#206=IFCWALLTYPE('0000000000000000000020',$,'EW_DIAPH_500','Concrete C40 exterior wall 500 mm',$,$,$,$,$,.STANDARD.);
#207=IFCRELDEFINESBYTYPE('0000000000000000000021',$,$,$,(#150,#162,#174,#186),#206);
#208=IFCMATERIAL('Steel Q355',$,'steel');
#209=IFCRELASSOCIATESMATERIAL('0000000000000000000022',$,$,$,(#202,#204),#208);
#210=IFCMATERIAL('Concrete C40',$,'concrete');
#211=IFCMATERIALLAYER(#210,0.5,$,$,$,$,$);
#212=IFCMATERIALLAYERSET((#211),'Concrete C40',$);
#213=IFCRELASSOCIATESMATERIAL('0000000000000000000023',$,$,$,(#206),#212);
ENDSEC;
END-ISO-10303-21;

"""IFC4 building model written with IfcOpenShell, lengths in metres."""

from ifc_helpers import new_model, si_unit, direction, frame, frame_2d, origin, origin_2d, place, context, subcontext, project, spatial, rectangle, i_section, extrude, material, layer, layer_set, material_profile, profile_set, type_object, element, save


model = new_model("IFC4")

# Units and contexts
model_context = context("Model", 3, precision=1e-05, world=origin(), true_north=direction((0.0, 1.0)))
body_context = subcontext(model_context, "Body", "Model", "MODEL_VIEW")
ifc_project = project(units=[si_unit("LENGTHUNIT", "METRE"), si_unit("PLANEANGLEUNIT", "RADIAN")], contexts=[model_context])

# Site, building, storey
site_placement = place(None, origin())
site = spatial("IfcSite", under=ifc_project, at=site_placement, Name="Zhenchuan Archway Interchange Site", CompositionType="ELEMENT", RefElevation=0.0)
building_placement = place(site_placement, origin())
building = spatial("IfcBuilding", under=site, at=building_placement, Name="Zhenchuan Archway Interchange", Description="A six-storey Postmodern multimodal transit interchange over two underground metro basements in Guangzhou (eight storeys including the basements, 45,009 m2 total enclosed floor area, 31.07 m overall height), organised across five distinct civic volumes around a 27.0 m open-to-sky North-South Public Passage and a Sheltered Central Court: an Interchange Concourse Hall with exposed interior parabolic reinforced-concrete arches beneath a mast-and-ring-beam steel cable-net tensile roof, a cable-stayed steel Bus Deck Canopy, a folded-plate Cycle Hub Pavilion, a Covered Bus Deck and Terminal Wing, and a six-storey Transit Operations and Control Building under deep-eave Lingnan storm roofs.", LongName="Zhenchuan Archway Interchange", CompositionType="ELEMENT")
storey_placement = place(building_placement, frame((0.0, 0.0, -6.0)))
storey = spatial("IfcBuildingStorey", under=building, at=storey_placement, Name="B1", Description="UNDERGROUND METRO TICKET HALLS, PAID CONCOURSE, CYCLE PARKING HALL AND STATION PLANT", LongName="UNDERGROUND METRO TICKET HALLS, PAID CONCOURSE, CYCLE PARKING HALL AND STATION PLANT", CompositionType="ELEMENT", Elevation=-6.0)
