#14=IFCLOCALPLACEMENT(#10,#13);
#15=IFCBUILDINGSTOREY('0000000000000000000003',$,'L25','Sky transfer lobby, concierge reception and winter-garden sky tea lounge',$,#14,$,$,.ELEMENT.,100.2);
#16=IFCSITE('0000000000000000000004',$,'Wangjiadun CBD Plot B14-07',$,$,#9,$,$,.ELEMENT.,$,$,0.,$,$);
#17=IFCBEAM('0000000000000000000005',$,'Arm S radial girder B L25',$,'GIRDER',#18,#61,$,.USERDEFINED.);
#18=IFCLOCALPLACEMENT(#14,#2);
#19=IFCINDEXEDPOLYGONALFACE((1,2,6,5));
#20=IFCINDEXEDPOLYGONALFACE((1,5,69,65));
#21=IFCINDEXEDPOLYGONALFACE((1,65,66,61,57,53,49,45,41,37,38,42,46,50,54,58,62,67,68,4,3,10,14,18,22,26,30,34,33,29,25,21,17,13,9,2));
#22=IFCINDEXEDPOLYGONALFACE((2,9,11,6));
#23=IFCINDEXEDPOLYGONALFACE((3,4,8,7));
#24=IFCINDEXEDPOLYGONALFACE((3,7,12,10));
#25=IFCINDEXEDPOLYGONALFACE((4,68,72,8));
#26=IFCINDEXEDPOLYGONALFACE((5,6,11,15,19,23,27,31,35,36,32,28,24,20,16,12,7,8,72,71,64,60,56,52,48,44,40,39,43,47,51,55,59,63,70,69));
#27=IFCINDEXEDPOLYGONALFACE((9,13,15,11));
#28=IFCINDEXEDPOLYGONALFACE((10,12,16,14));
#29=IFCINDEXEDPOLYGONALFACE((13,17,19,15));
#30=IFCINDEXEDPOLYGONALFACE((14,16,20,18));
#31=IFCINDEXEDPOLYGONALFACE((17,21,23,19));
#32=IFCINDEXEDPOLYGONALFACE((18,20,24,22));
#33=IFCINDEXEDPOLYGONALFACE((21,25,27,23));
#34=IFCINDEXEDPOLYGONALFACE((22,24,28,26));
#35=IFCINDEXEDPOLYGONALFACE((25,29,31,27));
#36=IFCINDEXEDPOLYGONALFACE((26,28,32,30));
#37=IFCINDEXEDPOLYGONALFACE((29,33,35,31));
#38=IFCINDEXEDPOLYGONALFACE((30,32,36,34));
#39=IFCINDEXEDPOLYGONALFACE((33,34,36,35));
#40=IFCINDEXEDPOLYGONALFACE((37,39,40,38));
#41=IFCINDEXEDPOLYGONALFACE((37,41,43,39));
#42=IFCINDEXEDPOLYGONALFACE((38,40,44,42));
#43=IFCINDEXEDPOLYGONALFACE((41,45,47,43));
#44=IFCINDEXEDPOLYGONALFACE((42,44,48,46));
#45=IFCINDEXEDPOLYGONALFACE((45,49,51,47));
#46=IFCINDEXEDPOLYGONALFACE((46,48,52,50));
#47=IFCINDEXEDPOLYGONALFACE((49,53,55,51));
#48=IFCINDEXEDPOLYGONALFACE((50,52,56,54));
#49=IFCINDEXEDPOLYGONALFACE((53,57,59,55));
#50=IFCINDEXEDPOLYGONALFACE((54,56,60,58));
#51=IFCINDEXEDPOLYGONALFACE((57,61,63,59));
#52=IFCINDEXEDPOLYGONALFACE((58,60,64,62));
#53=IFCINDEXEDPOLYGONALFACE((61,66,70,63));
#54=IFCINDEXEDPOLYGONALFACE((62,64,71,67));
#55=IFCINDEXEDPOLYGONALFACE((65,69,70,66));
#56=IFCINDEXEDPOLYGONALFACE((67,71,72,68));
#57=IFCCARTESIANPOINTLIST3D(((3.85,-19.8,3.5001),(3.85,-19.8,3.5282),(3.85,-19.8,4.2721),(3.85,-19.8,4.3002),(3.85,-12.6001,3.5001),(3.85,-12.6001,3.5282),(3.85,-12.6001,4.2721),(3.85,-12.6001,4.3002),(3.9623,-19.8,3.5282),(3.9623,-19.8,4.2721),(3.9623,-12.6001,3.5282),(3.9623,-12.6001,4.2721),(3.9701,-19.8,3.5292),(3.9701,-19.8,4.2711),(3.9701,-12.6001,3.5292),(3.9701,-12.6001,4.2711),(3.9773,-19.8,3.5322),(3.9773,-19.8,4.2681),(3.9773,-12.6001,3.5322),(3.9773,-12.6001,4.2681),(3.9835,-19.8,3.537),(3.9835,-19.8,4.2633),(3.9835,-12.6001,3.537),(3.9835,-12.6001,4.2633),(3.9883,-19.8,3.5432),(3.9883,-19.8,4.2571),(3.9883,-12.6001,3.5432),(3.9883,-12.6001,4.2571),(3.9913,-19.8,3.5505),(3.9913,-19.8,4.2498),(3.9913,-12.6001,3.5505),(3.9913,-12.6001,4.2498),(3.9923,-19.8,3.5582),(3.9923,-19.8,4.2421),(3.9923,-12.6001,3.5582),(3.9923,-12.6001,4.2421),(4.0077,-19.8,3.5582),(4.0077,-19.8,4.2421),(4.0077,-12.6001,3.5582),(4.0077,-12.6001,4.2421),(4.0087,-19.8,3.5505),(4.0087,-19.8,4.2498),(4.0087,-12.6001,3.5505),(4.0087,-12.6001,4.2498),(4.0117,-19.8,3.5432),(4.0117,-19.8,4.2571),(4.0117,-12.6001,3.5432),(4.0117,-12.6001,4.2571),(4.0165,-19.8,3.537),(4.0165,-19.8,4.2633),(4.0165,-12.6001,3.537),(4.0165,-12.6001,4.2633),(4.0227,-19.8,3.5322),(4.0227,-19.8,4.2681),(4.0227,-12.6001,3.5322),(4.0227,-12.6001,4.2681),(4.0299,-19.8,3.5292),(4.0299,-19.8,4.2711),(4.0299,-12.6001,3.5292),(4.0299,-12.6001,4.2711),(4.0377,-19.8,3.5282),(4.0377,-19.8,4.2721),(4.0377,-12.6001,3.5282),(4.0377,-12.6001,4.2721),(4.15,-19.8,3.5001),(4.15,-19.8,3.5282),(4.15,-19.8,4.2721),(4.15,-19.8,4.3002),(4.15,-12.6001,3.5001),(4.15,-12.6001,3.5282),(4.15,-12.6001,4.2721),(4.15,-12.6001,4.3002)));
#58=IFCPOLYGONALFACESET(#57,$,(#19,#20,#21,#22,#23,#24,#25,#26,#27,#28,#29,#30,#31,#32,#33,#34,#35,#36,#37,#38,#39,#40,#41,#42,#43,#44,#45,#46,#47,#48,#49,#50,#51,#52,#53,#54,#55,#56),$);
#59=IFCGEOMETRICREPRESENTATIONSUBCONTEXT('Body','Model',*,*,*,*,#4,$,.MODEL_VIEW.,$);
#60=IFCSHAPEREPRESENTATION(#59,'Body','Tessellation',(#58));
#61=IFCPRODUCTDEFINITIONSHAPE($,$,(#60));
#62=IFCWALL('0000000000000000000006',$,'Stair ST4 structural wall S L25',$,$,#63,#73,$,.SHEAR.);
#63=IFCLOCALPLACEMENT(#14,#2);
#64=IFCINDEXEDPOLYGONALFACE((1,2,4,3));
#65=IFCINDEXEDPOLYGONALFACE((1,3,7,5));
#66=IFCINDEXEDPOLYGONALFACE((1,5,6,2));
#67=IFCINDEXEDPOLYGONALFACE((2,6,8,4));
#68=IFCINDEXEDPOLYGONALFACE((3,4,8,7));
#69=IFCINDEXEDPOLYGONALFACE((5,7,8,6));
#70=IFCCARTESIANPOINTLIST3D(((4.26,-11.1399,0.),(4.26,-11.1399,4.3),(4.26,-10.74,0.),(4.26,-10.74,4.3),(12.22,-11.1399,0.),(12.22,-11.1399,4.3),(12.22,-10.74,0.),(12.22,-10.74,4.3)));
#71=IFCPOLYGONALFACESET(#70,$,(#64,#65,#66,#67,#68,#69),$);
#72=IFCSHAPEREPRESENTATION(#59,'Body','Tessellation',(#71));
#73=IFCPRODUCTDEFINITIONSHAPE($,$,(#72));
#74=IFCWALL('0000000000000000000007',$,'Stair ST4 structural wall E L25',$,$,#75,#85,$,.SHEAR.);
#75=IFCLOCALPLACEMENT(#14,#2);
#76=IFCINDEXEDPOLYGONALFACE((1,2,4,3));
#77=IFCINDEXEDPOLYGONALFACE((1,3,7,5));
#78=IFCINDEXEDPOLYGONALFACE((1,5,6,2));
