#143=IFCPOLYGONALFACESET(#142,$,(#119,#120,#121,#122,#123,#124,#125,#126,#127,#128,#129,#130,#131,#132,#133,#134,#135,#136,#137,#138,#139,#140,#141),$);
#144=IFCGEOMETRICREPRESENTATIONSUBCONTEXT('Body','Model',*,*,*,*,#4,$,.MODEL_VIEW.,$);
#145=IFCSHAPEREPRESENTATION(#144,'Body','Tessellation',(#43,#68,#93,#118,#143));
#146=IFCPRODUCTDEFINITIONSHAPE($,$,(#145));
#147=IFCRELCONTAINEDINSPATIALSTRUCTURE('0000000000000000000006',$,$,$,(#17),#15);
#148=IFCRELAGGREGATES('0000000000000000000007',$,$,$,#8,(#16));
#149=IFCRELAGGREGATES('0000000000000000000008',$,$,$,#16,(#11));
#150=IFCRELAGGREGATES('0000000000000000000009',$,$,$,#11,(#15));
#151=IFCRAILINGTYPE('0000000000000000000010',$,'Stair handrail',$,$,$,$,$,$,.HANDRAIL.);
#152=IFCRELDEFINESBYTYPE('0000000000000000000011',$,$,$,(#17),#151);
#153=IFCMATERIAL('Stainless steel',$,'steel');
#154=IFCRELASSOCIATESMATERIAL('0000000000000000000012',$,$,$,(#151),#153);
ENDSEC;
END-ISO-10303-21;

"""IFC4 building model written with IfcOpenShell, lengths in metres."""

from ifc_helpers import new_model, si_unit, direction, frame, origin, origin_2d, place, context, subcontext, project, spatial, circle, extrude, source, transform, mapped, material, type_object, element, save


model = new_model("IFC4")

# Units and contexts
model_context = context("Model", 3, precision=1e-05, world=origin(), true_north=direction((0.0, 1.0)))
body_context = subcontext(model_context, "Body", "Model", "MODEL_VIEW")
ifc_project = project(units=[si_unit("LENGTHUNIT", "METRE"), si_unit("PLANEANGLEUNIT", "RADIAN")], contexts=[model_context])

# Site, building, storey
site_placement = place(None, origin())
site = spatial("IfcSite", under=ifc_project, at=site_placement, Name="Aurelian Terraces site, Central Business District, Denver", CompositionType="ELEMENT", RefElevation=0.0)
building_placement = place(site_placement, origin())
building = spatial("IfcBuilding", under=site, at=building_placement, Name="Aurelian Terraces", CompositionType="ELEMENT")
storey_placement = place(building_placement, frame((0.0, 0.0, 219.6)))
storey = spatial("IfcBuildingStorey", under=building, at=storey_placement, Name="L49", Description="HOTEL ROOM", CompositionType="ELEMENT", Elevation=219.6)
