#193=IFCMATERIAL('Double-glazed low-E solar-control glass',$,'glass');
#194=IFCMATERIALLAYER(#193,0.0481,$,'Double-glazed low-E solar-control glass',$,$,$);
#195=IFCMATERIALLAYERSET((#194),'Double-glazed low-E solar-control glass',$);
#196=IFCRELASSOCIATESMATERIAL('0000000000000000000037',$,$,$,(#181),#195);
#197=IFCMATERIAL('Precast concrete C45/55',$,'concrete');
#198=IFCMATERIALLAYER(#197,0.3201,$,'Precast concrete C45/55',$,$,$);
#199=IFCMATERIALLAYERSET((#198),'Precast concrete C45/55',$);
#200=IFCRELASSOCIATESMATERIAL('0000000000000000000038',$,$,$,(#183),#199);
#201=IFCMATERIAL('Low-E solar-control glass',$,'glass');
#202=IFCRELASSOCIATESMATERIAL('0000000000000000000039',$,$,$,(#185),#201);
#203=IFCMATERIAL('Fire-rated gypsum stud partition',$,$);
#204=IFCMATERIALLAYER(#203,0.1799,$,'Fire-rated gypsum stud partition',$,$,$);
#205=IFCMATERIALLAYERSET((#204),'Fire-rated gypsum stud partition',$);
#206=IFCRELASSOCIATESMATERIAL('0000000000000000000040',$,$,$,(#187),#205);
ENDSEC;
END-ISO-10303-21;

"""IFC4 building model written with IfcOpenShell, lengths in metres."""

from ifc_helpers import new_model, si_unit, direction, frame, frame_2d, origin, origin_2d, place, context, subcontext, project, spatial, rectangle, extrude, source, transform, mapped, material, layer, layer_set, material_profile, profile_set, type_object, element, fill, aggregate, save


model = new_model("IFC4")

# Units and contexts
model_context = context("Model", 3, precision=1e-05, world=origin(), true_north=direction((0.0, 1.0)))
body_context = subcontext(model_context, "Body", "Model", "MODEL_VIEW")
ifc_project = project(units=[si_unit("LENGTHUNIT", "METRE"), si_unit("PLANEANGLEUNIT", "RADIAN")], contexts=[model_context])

+---+

**Activity**
Taking the records above as input, show every line in which the word "structural" is present.

**Answer for the task**
#62=IFCWALL('0000000000000000000006',$,'Stair ST4 structural wall S L25',$,$,#63,#73,$,.SHEAR.);
#74=IFCWALL('0000000000000000000007',$,'Stair ST4 structural wall E L25',$,$,#75,#85,$,.SHEAR.);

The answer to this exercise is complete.